Data records
- Opening Delimiter -

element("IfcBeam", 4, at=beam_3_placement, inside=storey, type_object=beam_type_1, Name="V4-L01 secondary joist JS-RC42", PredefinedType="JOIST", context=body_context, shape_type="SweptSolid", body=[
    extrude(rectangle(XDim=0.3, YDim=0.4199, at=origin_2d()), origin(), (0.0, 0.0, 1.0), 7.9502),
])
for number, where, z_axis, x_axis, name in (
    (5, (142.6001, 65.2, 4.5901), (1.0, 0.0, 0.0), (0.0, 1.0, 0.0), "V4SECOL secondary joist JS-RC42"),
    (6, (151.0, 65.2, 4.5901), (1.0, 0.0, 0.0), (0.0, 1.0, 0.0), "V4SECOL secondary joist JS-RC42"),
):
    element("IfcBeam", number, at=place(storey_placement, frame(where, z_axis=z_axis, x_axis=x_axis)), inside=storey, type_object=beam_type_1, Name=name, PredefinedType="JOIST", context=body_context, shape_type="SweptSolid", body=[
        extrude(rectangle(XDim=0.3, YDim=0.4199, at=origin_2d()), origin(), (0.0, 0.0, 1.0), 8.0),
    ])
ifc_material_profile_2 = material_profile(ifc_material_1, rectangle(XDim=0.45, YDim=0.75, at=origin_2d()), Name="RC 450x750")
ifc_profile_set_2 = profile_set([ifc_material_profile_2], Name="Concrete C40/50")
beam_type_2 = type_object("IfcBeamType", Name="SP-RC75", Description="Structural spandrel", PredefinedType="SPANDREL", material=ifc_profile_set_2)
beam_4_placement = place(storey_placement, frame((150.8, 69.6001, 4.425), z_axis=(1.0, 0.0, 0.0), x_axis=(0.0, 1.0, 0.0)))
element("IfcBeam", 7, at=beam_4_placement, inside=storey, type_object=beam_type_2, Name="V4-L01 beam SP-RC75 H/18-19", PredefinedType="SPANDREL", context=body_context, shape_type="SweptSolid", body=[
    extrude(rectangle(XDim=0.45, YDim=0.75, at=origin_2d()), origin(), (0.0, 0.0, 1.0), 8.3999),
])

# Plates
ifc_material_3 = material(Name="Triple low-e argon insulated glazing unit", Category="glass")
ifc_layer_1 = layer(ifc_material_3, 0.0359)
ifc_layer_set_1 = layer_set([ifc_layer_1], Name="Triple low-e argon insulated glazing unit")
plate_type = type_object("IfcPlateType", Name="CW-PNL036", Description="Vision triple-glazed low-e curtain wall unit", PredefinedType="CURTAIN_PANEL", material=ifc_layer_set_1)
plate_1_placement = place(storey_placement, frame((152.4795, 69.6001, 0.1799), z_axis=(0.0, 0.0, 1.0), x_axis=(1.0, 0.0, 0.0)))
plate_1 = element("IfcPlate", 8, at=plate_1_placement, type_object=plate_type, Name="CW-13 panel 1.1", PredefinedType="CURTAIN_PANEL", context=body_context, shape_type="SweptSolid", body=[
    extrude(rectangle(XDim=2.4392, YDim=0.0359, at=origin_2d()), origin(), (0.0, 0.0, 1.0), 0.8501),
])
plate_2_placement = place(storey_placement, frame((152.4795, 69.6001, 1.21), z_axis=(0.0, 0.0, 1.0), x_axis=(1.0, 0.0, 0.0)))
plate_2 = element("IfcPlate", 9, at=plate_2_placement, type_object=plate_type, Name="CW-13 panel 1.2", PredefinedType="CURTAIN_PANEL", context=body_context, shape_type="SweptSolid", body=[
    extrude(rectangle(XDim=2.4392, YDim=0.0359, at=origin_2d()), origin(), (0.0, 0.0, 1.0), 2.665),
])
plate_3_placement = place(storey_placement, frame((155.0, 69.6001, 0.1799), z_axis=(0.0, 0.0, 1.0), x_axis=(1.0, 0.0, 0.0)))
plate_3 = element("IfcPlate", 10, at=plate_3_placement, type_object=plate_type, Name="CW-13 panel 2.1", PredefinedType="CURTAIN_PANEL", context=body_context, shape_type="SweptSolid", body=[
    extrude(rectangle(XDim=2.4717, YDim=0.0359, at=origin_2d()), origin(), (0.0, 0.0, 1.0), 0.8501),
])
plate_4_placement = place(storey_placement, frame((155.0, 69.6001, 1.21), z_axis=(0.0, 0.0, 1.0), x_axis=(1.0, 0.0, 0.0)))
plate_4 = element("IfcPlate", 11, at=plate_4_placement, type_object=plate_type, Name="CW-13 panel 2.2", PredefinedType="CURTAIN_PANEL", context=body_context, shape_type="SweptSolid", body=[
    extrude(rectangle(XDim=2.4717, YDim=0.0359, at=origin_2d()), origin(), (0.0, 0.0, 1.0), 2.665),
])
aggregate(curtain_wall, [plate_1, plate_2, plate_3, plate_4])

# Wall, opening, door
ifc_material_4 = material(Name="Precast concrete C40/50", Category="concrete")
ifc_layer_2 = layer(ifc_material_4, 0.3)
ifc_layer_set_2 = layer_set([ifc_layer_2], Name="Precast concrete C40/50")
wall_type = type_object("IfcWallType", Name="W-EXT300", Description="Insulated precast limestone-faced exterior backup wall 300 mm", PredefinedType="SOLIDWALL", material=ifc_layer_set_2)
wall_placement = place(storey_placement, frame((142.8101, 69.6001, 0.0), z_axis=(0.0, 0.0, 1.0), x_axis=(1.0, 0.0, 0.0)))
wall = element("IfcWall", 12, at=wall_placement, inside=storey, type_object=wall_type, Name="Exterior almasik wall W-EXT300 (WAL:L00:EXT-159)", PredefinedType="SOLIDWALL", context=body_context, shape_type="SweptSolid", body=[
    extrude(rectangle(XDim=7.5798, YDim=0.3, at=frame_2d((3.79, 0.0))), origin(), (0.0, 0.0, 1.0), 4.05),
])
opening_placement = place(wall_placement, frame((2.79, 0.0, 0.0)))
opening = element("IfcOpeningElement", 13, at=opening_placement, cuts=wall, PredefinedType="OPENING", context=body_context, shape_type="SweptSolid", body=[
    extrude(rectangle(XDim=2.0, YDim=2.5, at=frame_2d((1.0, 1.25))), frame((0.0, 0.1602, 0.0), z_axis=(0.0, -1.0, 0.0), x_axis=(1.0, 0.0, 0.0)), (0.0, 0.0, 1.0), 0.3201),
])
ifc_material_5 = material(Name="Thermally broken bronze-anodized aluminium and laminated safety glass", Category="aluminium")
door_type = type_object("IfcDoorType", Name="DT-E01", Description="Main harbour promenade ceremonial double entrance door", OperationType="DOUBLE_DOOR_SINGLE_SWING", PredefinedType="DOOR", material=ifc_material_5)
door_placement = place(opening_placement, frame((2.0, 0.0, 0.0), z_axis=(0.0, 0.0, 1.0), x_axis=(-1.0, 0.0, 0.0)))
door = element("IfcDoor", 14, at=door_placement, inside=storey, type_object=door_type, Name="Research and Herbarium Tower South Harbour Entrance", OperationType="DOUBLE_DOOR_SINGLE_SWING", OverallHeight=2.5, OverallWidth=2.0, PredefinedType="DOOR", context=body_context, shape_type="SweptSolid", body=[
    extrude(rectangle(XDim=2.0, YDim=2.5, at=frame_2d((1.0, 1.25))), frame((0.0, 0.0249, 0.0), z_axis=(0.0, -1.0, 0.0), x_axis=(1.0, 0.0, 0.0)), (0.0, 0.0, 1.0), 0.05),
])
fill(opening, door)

- Closing Delimiter -

Restate the entries above. Match them exactly.

element("IfcBeam", 4, at=beam_3_placement, inside=storey, type_object=beam_type_1, Name="V4-L01 secondary joist JS-RC42", PredefinedType="JOIST", context=body_context, shape_type="SweptSolid", body=[
    extrude(rectangle(XDim=0.3, YDim=0.4199, at=origin_2d()), origin(), (0.0, 0.0, 1.0), 7.9502),
])
for number, where, z_axis, x_axis, name in (
    (5, (142.6001, 65.2, 4.5901), (1.0, 0.0, 0.0), (0.0, 1.0, 0.0), "V4SECOL secondary joist JS-RC42"),
    (6, (151.0, 65.2, 4.5901), (1.0, 0.0, 0.0), (0.0, 1.0, 0.0), "V4SECOL secondary joist JS-RC42"),
):
    element("IfcBeam", number, at=place(storey_placement, frame(where, z_axis=z_axis, x_axis=x_axis)), inside=storey, type_object=beam_type_1, Name=name, PredefinedType="JOIST", context=body_context, shape_type="SweptSolid", body=[
        extrude(rectangle(XDim=0.3, YDim=0.4199, at=origin_2d()), origin(), (0.0, 0.0, 1.0), 8.0),
    ])
ifc_material_profile_2 = material_profile(ifc_material_1, rectangle(XDim=0.45, YDim=0.75, at=origin_2d()), Name="RC 450x750")
ifc_profile_set_2 = profile_set([ifc_material_profile_2], Name="Concrete C40/50")
beam_type_2 = type_object("IfcBeamType", Name="SP-RC75", Description="Structural spandrel", PredefinedType="SPANDREL", material=ifc_profile_set_2)
beam_4_placement = place(storey_placement, frame((150.8, 69.6001, 4.425), z_axis=(1.0, 0.0, 0.0), x_axis=(0.0, 1.0, 0.0)))
element("IfcBeam", 7, at=beam_4_placement, inside=storey, type_object=beam_type_2, Name="V4-L01 beam SP-RC75 H/18-19", PredefinedType="SPANDREL", context=body_context, shape_type="SweptSolid", body=[
    extrude(rectangle(XDim=0.45, YDim=0.75, at=origin_2d()), origin(), (0.0, 0.0, 1.0), 8.3999),
])

# Plates
ifc_material_3 = material(Name="Triple low-e argon insulated glazing unit", Category="glass")
ifc_layer_1 = layer(ifc_material_3, 0.0359)
ifc_layer_set_1 = layer_set([ifc_layer_1], Name="Triple low-e argon insulated glazing unit")
plate_type = type_object("IfcPlateType", Name="CW-PNL036", Description="Vision triple-glazed low-e curtain wall unit", PredefinedType="CURTAIN_PANEL", material=ifc_layer_set_1)
plate_1_placement = place(storey_placement, frame((152.4795, 69.6001, 0.1799), z_axis=(0.0, 0.0, 1.0), x_axis=(1.0, 0.0, 0.0)))
plate_1 = element("IfcPlate", 8, at=plate_1_placement, type_object=plate_type, Name="CW-13 panel 1.1", PredefinedType="CURTAIN_PANEL", context=body_context, shape_type="SweptSolid", body=[
    extrude(rectangle(XDim=2.4392, YDim=0.0359, at=origin_2d()), origin(), (0.0, 0.0, 1.0), 0.8501),
])
plate_2_placement = place(storey_placement, frame((152.4795, 69.6001, 1.21), z_axis=(0.0, 0.0, 1.0), x_axis=(1.0, 0.0, 0.0)))
plate_2 = element("IfcPlate", 9, at=plate_2_placement, type_object=plate_type, Name="CW-13 panel 1.2", PredefinedType="CURTAIN_PANEL", context=body_context, shape_type="SweptSolid", body=[
    extrude(rectangle(XDim=2.4392, YDim=0.0359, at=origin_2d()), origin(), (0.0, 0.0, 1.0), 2.665),
])
plate_3_placement = place(storey_placement, frame((155.0, 69.6001, 0.1799), z_axis=(0.0, 0.0, 1.0), x_axis=(1.0, 0.0, 0.0)))
plate_3 = element("IfcPlate", 10, at=plate_3_placement, type_object=plate_type, Name="CW-13 panel 2.1", PredefinedType="CURTAIN_PANEL", context=body_context, shape_type="SweptSolid", body=[
    extrude(rectangle(XDim=2.4717, YDim=0.0359, at=origin_2d()), origin(), (0.0, 0.0, 1.0), 0.8501),
])
plate_4_placement = place(storey_placement, frame((155.0, 69.6001, 1.21), z_axis=(0.0, 0.0, 1.0), x_axis=(1.0, 0.0, 0.0)))
plate_4 = element("IfcPlate", 11, at=plate_4_placement, type_object=plate_type, Name="CW-13 panel 2.2", PredefinedType="CURTAIN_PANEL", context=body_context, shape_type="SweptSolid", body=[
    extrude(rectangle(XDim=2.4717, YDim=0.0359, at=origin_2d()), origin(), (0.0, 0.0, 1.0), 2.665),
])
aggregate(curtain_wall, [plate_1, plate_2, plate_3, plate_4])

# Wall, opening, door
ifc_material_4 = material(Name="Precast concrete C40/50", Category="concrete")
ifc_layer_2 = layer(ifc_material_4, 0.3)
ifc_layer_set_2 = layer_set([ifc_layer_2], Name="Precast concrete C40/50")
wall_type = type_object("IfcWallType", Name="W-EXT300", Description="Insulated precast limestone-faced exterior backup wall 300 mm", PredefinedType="SOLIDWALL", material=ifc_layer_set_2)
wall_placement = place(storey_placement, frame((142.8101, 69.6001, 0.0), z_axis=(0.0, 0.0, 1.0), x_axis=(1.0, 0.0, 0.0)))
wall = element("IfcWall", 12, at=wall_placement, inside=storey, type_object=wall_type, Name="Exterior almasik wall W-EXT300 (WAL:L00:EXT-159)", PredefinedType="SOLIDWALL", context=body_context, shape_type="SweptSolid", body=[
    extrude(rectangle(XDim=7.5798, YDim=0.3, at=frame_2d((3.79, 0.0))), origin(), (0.0, 0.0, 1.0), 4.05),
])
opening_placement = place(wall_placement, frame((2.79, 0.0, 0.0)))
opening = element("IfcOpeningElement", 13, at=opening_placement, cuts=wall, PredefinedType="OPENING", context=body_context, shape_type="SweptSolid", body=[
    extrude(rectangle(XDim=2.0, YDim=2.5, at=frame_2d((1.0, 1.25))), frame((0.0, 0.1602, 0.0), z_axis=(0.0, -1.0, 0.0), x_axis=(1.0, 0.0, 0.0)), (0.0, 0.0, 1.0), 0.3201),
])
ifc_material_5 = material(Name="Thermally broken bronze-anodized aluminium and laminated safety glass", Category="aluminium")
door_type = type_object("IfcDoorType", Name="DT-E01", Description="Main harbour promenade ceremonial double entrance door", OperationType="DOUBLE_DOOR_SINGLE_SWING", PredefinedType="DOOR", material=ifc_material_5)
door_placement = place(opening_placement, frame((2.0, 0.0, 0.0), z_axis=(0.0, 0.0, 1.0), x_axis=(-1.0, 0.0, 0.0)))
door = element("IfcDoor", 14, at=door_placement, inside=storey, type_object=door_type, Name="Research and Herbarium Tower South Harbour Entrance", OperationType="DOUBLE_DOOR_SINGLE_SWING", OverallHeight=2.5, OverallWidth=2.0, PredefinedType="DOOR", context=body_context, shape_type="SweptSolid", body=[
    extrude(rectangle(XDim=2.0, YDim=2.5, at=frame_2d((1.0, 1.25))), frame((0.0, 0.0249, 0.0), z_axis=(0.0, -1.0, 0.0), x_axis=(1.0, 0.0, 0.0)), (0.0, 0.0, 1.0), 0.05),
])
fill(opening, door)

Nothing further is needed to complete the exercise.